[Excerpts from a dataset]
..............................
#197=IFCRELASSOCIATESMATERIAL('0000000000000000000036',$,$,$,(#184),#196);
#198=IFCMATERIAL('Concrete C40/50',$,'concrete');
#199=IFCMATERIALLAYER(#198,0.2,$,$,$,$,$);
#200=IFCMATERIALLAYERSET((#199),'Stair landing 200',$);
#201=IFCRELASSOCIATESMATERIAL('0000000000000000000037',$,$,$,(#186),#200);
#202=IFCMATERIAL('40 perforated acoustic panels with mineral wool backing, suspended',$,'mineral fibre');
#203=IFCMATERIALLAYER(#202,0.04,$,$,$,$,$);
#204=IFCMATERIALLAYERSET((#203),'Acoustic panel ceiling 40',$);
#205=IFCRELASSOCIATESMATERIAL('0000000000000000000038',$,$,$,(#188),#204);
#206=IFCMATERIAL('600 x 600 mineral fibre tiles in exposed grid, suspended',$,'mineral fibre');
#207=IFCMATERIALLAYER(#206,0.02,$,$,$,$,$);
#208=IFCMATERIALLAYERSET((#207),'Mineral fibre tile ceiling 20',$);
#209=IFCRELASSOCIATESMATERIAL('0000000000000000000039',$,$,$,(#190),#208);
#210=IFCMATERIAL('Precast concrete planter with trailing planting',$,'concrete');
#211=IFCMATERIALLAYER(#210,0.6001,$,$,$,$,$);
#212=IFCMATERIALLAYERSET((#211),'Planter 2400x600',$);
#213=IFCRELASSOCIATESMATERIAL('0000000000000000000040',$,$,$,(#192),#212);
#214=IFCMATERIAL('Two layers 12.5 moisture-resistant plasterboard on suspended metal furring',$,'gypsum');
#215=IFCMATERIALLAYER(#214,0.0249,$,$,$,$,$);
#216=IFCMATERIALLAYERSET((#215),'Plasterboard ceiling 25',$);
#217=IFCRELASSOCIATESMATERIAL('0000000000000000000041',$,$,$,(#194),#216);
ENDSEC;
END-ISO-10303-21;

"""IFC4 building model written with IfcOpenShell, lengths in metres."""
..............................
= Your instructions =
Every line that holds the word "IFCRELASSOCIATESMATERIAL" should be copied from the records.

= The answer =
#197=IFCRELASSOCIATESMATERIAL('0000000000000000000036',$,$,$,(#184),#196);
#201=IFCRELASSOCIATESMATERIAL('0000000000000000000037',$,$,$,(#186),#200);
#205=IFCRELASSOCIATESMATERIAL('0000000000000000000038',$,$,$,(#188),#204);
#209=IFCRELASSOCIATESMATERIAL('0000000000000000000039',$,$,$,(#190),#208);
#213=IFCRELASSOCIATESMATERIAL('0000000000000000000040',$,$,$,(#192),#212);
#217=IFCRELASSOCIATESMATERIAL('0000000000000000000041',$,$,$,(#194),#216);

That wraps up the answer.